DATA IN THIS EXERCISE:
:::::
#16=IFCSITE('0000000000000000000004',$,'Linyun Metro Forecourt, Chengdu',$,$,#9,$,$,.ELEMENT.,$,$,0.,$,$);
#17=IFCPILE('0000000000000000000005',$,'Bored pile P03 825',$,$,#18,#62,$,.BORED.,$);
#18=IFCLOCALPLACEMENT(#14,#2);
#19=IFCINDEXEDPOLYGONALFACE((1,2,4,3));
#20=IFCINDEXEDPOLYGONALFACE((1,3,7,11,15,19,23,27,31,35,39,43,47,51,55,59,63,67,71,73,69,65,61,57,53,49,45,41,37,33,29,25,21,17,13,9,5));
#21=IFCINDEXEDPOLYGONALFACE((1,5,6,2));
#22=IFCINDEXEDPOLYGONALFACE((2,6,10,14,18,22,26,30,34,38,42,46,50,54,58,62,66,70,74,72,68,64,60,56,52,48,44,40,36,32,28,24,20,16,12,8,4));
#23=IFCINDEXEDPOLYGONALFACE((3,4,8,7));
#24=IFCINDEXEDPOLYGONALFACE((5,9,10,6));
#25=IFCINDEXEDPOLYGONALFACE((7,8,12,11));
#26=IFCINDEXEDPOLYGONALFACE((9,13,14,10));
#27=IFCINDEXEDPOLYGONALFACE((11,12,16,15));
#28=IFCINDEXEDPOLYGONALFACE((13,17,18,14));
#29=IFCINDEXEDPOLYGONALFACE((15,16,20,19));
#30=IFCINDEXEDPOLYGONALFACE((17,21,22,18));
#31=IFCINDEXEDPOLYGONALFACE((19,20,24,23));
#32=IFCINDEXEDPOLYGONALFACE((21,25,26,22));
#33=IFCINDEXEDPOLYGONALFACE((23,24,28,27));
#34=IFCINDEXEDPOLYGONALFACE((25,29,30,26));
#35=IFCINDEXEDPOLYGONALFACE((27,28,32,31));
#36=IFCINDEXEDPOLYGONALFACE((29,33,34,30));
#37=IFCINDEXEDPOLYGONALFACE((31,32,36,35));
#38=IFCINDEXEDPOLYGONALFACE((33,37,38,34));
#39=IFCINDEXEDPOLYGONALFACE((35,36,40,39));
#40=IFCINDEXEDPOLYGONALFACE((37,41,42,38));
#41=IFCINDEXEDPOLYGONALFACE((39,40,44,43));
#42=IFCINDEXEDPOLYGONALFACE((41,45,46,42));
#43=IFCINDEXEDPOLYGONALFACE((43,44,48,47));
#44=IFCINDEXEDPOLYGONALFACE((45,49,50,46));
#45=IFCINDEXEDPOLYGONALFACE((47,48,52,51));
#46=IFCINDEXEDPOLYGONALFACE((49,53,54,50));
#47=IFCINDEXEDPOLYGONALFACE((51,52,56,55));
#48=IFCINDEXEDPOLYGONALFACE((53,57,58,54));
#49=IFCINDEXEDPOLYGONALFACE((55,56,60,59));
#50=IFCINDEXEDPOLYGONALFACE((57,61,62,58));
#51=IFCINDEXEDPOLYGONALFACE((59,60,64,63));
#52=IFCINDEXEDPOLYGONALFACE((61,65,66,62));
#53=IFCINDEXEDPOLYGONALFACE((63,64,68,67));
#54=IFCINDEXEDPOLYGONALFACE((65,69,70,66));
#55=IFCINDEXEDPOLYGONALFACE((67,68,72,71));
:::::
WHAT TO WORK ON: Above this task is a listing. Restate, word for word and with nothing added, the lines from the one with "#31=IFCINDEXEDPOLYGONALFACE((19,20,24,23));" through the one with "#37=IFCINDEXEDPOLYGONALFACE((31,32,36,35));".

RESPONSE:
#31=IFCINDEXEDPOLYGONALFACE((19,20,24,23));
#32=IFCINDEXEDPOLYGONALFACE((21,25,26,22));
#33=IFCINDEXEDPOLYGONALFACE((23,24,28,27));
#34=IFCINDEXEDPOLYGONALFACE((25,29,30,26));
#35=IFCINDEXEDPOLYGONALFACE((27,28,32,31));
#36=IFCINDEXEDPOLYGONALFACE((29,33,34,30));
#37=IFCINDEXEDPOLYGONALFACE((31,32,36,35));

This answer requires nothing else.